Would you please return the lines of the material that contain the word "USERDEFINED"?

((

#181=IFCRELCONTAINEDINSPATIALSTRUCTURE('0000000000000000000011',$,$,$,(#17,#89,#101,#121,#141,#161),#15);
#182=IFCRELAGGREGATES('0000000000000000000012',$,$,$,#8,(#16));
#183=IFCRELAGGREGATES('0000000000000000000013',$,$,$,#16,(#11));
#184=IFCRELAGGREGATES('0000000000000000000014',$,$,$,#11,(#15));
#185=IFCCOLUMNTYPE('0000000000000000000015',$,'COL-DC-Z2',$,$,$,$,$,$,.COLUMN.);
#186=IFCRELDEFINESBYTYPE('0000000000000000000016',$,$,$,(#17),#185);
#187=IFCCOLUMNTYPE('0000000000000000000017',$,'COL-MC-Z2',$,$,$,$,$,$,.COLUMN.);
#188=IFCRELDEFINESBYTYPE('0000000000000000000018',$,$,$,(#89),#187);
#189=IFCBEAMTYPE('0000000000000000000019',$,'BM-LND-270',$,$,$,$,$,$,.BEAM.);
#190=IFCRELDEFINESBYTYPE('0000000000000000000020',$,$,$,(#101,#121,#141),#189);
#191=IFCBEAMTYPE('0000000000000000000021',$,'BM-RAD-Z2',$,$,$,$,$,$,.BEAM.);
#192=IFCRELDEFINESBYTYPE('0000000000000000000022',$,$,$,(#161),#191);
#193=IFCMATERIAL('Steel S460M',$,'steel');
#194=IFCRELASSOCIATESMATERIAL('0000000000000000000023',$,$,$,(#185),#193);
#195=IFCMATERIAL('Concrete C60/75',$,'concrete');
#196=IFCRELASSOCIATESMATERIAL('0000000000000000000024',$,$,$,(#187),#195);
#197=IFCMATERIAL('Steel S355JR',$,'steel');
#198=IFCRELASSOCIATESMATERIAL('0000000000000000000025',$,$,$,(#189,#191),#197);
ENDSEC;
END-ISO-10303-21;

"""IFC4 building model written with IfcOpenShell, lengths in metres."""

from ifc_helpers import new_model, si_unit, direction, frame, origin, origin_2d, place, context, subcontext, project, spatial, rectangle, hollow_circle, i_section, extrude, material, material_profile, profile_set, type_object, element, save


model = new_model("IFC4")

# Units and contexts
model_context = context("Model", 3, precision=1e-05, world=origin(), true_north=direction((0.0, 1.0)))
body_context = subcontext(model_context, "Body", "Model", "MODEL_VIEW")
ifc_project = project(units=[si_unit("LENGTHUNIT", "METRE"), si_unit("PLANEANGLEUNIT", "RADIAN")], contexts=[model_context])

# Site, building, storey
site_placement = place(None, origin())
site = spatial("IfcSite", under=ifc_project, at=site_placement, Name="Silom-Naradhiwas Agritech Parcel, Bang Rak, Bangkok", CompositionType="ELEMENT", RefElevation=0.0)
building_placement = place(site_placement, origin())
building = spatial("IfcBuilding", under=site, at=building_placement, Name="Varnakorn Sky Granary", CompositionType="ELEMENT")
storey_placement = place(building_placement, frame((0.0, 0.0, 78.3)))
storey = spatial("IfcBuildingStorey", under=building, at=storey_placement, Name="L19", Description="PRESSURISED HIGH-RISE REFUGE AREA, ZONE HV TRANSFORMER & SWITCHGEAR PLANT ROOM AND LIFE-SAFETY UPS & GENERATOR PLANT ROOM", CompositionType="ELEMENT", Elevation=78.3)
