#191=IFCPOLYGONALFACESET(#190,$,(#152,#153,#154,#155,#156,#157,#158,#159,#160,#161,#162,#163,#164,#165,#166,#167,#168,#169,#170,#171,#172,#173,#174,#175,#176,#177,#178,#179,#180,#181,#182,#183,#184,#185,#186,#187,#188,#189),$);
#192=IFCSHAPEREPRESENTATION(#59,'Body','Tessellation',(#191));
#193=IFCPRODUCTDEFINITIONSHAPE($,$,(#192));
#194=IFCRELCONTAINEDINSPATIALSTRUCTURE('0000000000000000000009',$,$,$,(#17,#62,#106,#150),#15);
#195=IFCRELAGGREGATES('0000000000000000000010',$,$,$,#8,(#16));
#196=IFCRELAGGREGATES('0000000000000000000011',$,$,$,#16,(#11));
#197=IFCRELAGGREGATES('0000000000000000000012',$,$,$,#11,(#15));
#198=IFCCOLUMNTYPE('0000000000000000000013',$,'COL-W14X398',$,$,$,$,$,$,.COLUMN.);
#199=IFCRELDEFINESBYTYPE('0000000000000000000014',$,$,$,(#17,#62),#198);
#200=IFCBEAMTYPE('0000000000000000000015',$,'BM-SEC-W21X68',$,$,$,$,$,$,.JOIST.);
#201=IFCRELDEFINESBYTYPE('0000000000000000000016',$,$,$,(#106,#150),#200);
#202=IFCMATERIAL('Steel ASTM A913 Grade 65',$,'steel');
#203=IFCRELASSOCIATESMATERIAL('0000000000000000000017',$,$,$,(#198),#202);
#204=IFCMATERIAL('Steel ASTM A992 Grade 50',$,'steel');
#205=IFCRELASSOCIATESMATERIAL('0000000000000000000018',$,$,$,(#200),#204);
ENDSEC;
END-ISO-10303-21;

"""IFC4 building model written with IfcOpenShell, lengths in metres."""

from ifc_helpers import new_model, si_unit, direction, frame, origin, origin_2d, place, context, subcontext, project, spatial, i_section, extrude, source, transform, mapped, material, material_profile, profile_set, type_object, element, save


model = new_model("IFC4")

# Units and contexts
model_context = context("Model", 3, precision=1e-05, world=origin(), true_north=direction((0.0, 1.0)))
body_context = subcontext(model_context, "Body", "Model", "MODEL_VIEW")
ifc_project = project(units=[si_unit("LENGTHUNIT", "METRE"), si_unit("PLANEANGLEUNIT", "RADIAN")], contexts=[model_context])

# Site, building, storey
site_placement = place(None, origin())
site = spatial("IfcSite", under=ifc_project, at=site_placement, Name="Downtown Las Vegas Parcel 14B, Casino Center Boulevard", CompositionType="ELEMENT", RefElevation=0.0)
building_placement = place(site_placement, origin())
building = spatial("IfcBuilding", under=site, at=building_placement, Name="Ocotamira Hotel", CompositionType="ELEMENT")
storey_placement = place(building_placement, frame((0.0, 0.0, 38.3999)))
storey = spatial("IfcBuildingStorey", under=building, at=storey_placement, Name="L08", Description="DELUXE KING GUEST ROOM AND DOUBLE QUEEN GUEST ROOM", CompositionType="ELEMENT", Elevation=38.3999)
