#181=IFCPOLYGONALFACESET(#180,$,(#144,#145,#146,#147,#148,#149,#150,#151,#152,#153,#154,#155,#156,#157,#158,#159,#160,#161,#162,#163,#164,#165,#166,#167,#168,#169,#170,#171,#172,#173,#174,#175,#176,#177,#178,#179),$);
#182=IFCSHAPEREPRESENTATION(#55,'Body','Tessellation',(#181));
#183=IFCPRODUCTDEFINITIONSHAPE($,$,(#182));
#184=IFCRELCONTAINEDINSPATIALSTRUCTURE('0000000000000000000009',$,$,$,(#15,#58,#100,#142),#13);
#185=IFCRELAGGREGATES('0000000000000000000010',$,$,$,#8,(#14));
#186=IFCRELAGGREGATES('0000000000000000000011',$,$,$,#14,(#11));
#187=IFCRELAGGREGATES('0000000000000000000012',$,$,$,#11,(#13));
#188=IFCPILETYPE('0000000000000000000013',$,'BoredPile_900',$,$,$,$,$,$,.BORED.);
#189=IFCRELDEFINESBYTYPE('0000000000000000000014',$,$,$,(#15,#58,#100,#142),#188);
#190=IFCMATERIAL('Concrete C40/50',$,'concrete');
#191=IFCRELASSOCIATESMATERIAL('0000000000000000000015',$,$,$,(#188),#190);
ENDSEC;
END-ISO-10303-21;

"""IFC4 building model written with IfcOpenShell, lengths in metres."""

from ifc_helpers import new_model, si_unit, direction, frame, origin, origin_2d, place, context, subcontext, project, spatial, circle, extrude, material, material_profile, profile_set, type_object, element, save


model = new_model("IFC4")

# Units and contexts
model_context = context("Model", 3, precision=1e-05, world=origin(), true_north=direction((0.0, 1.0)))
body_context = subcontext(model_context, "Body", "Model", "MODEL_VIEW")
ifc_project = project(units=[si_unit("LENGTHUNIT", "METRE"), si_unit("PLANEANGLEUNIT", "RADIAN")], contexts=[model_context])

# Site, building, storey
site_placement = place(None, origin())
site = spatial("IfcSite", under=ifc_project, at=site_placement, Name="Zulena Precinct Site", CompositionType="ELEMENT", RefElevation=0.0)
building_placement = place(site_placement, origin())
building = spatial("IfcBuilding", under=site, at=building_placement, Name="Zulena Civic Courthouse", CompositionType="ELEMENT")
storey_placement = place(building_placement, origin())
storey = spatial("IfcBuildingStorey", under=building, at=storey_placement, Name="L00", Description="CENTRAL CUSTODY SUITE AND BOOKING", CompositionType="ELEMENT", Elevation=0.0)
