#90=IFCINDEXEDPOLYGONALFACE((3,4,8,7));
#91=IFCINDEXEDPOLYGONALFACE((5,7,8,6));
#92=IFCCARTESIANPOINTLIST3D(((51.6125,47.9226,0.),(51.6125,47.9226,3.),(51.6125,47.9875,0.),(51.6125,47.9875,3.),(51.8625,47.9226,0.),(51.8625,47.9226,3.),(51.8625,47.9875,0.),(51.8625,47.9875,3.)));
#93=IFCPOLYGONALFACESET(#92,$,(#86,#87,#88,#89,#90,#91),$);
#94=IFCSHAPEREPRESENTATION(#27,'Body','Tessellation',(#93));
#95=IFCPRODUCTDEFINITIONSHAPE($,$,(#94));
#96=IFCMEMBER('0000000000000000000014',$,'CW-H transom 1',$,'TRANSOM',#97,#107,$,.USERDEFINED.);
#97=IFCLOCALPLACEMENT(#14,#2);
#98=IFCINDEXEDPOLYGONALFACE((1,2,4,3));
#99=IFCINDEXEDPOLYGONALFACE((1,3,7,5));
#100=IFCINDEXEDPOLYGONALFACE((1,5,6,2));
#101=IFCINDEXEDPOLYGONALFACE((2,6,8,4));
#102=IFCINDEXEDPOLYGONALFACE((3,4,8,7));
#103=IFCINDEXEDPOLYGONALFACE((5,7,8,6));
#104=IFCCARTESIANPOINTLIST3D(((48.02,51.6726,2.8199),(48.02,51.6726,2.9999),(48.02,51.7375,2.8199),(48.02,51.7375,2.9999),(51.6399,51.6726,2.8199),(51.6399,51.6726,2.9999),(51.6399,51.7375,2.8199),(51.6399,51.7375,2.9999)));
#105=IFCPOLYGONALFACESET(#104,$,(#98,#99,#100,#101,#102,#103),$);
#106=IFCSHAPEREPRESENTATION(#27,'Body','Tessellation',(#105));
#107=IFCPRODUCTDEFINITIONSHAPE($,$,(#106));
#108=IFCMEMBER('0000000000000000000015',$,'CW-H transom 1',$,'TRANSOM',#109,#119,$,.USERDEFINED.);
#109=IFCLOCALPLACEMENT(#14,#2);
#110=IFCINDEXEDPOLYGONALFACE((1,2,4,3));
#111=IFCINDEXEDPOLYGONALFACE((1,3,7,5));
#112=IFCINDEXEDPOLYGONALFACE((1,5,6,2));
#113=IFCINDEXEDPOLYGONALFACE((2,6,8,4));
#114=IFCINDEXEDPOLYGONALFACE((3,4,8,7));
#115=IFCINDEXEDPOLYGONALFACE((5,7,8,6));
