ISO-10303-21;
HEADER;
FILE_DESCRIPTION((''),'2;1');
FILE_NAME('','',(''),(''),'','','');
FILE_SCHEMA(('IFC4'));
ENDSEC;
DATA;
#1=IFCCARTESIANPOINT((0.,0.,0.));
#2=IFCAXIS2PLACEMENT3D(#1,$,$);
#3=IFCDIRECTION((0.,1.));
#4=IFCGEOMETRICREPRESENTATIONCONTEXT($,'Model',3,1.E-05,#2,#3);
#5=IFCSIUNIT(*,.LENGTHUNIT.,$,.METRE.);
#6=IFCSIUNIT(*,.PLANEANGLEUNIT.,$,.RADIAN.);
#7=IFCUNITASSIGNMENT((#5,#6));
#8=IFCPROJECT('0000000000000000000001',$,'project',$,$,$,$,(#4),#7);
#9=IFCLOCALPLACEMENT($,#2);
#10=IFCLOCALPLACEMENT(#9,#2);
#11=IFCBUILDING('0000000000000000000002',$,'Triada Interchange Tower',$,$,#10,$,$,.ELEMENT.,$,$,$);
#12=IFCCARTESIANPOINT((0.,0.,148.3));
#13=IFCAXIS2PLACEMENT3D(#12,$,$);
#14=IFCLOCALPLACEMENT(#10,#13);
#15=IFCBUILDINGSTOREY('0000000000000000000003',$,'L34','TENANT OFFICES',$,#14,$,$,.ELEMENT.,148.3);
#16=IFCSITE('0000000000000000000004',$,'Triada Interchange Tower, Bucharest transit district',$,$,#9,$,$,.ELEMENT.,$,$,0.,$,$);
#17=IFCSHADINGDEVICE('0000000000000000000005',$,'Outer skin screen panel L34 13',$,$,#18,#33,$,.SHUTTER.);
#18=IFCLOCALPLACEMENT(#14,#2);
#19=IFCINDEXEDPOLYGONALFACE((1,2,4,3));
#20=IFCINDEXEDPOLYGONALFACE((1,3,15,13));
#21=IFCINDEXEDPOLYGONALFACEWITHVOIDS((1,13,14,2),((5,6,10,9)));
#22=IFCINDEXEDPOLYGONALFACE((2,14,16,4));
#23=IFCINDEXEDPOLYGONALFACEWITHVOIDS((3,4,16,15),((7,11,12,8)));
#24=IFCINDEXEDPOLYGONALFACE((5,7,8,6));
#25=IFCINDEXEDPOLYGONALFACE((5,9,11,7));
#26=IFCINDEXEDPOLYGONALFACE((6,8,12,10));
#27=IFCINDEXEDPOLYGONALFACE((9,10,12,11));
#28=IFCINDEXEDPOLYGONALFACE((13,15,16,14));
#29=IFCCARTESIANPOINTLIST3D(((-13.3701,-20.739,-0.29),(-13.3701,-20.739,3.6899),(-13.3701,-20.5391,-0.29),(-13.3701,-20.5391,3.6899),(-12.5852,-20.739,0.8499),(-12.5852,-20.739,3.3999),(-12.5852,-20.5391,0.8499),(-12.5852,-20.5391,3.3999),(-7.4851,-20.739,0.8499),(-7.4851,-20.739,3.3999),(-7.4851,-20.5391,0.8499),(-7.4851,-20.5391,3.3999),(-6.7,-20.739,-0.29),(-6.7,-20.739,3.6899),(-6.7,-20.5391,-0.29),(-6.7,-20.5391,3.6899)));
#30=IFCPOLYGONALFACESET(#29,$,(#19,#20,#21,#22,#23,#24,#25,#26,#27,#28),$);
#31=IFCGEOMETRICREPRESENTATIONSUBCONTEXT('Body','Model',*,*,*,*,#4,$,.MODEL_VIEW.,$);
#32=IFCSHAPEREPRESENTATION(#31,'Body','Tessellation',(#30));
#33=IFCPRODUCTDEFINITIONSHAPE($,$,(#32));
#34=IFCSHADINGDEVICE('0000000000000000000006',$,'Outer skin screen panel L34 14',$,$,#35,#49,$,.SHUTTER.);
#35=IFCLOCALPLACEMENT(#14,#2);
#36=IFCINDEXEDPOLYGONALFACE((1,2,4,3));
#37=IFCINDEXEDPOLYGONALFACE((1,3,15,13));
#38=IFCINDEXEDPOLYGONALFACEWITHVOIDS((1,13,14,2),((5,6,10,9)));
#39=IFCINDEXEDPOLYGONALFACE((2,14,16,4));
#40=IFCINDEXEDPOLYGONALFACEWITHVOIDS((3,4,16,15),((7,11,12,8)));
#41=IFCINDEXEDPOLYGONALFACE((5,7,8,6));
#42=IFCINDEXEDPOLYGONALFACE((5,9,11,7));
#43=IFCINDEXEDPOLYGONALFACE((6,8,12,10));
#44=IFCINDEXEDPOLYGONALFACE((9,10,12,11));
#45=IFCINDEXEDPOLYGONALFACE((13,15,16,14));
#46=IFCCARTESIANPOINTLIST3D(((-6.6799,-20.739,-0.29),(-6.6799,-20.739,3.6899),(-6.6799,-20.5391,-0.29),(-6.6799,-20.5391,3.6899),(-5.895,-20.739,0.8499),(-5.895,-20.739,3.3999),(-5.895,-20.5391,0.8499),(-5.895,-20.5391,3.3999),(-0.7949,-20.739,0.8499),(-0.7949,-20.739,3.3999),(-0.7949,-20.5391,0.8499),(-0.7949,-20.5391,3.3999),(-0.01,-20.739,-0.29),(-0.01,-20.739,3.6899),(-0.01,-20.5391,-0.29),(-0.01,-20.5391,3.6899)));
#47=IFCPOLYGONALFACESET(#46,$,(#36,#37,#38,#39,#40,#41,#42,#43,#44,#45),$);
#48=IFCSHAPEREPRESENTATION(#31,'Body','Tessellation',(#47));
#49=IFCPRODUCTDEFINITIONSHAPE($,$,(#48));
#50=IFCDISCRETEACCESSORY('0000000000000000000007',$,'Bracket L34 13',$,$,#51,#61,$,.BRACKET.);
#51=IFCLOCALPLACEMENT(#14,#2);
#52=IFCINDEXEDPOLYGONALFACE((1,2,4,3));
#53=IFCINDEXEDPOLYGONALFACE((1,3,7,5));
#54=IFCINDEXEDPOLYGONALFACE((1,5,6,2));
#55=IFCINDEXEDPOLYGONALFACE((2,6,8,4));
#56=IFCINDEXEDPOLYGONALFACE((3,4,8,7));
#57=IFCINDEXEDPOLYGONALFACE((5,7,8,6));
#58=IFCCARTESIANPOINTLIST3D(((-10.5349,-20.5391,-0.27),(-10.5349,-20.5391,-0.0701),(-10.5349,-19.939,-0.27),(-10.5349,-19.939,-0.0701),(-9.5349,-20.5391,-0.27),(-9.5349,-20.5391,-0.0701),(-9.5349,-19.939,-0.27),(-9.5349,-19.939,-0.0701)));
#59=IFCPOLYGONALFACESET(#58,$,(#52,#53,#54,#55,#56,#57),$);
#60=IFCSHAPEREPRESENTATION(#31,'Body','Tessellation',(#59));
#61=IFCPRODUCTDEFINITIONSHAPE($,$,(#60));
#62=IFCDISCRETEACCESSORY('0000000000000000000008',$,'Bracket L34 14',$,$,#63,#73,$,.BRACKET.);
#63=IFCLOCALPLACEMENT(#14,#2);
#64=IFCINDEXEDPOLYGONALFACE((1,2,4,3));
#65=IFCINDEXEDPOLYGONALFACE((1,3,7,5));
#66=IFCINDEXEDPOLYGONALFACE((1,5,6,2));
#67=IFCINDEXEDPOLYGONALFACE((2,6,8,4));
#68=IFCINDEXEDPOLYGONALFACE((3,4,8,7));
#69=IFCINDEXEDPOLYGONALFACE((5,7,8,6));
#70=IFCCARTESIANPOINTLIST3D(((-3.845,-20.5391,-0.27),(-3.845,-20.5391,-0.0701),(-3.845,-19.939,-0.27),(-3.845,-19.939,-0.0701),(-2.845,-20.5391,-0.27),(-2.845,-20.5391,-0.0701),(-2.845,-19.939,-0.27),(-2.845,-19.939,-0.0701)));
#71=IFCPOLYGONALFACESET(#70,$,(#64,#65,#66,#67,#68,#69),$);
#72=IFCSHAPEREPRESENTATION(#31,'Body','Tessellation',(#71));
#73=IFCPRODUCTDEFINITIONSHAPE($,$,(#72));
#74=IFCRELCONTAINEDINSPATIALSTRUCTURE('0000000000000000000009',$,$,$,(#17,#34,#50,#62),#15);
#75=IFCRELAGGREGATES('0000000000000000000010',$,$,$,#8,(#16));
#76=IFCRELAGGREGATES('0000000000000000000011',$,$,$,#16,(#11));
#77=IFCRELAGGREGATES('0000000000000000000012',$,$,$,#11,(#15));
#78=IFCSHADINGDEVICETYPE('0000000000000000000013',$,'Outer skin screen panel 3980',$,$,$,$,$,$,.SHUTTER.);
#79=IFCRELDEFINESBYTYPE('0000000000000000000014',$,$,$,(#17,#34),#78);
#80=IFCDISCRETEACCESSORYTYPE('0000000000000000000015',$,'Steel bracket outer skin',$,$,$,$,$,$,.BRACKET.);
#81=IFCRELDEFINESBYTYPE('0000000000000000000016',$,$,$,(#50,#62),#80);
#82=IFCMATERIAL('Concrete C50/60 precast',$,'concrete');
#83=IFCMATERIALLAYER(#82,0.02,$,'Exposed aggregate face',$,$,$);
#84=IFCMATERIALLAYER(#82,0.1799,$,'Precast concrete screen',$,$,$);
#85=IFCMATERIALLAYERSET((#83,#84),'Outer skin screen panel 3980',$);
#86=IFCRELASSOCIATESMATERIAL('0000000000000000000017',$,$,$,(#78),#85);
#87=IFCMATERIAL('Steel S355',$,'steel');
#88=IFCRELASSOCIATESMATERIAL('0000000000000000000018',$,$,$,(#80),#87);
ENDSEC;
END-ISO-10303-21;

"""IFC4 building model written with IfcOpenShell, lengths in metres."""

from ifc_helpers import new_model, si_unit, direction, frame, origin, origin_2d, place, context, subcontext, project, spatial, polyline, rectangle, outline, extrude, material, layer, layer_set, type_object, element, save


model = new_model("IFC4")

# Units and contexts
model_context = context("Model", 3, precision=1e-05, world=origin(), true_north=direction((0.0, 1.0)))
body_context = subcontext(model_context, "Body", "Model", "MODEL_VIEW")
ifc_project = project(units=[si_unit("LENGTHUNIT", "METRE"), si_unit("PLANEANGLEUNIT", "RADIAN")], contexts=[model_context])

# Site, building, storey
site_placement = place(None, origin())
site = spatial("IfcSite", under=ifc_project, at=site_placement, Name="Triada Interchange Tower, Bucharest transit district", CompositionType="ELEMENT", RefElevation=0.0)
building_placement = place(site_placement, origin())
building = spatial("IfcBuilding", under=site, at=building_placement, Name="Triada Interchange Tower", CompositionType="ELEMENT")
storey_placement = place(building_placement, frame((0.0, 0.0, 148.3)))
storey = spatial("IfcBuildingStorey", under=building, at=storey_placement, Name="L34", Description="TENANT OFFICES", CompositionType="ELEMENT", Elevation=148.3)

# Shading devices
ifc_material_1 = material(Name="Concrete C50/60 precast", Category="concrete")
ifc_layer_1 = layer(ifc_material_1, 0.02, Name="Exposed aggregate face")
ifc_layer_2 = layer(ifc_material_1, 0.1799, Name="Precast concrete screen")
ifc_layer_set_1 = layer_set([ifc_layer_1, ifc_layer_2], Name="Outer skin screen panel 3980")
shading_device_type = type_object("IfcShadingDeviceType", Name="Outer skin screen panel 3980", PredefinedType="SHUTTER", material=ifc_layer_set_1)
shading_device_1_placement = place(storey_placement, frame((-13.3701, -20.5391, -0.29), z_axis=(0.0, 0.0, 1.0), x_axis=(1.0, 0.0, 0.0)))
element("IfcShadingDevice", 1, at=shading_device_1_placement, inside=storey, type_object=shading_device_type, Name="Outer skin screen panel L34 13", PredefinedType="SHUTTER", context=body_context, shape_type="SweptSolid", body=[
    extrude(outline(polyline([(0.0, 0.0), (6.6702, 0.0), (6.6702, 3.98), (0.0, 3.98), (0.0, 0.0)]), holes=[polyline([(0.7849, 1.1399), (0.7849, 3.6899), (5.885, 3.6899), (5.885, 1.1399), (0.7849, 1.1399)])]), frame((0.0, 0.0, 0.0), z_axis=(0.0, -1.0, 0.0), x_axis=(1.0, 0.0, 0.0)), (0.0, 0.0, 1.0), 0.2),
])
shading_device_2_placement = place(storey_placement, frame((-6.6799, -20.5391, -0.29), z_axis=(0.0, 0.0, 1.0), x_axis=(1.0, 0.0, 0.0)))
element("IfcShadingDevice", 2, at=shading_device_2_placement, inside=storey, type_object=shading_device_type, Name="Outer skin screen panel L34 14", PredefinedType="SHUTTER", context=body_context, shape_type="SweptSolid", body=[
    extrude(outline(polyline([(0.0, 0.0), (6.6699, 0.0), (6.6699, 3.98), (0.0, 3.98), (0.0, 0.0)]), holes=[polyline([(0.7849, 1.1399), (0.7849, 3.6899), (5.885, 3.6899), (5.885, 1.1399), (0.7849, 1.1399)])]), frame((0.0, 0.0, 0.0), z_axis=(0.0, -1.0, 0.0), x_axis=(1.0, 0.0, 0.0)), (0.0, 0.0, 1.0), 0.2),
])

# Discrete accessories
ifc_material_2 = material(Name="Steel S355", Category="steel")
discrete_accessory_type = type_object("IfcDiscreteAccessoryType", Name="Steel bracket outer skin", PredefinedType="BRACKET", material=ifc_material_2)
for number, where, z_axis, x_axis, name in (
    (3, (-10.0349, -20.239, -0.27), (0.0, 0.0, 1.0), (0.0, -1.0, 0.0), "Bracket L34 13"),
    (4, (-3.345, -20.239, -0.27), (0.0, 0.0, 1.0), (0.0, -1.0, 0.0), "Bracket L34 14"),
):
    element("IfcDiscreteAccessory", number, at=place(storey_placement, frame(where, z_axis=z_axis, x_axis=x_axis)), inside=storey, type_object=discrete_accessory_type, Name=name, PredefinedType="BRACKET", context=body_context, shape_type="SweptSolid", body=[
        extrude(rectangle(XDim=0.6001, YDim=1.0, at=origin_2d()), origin(), (0.0, 0.0, 1.0), 0.2),
    ])

save(model, "model.ifc")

))

◆ EXERCISE SOLUTION:
#96=IFCMEMBER('0000000000000000000014',$,'CW-H transom 1',$,'TRANSOM',#97,#107,$,.USERDEFINED.);
#108=IFCMEMBER('0000000000000000000015',$,'CW-H transom 1',$,'TRANSOM',#109,#119,$,.USERDEFINED.);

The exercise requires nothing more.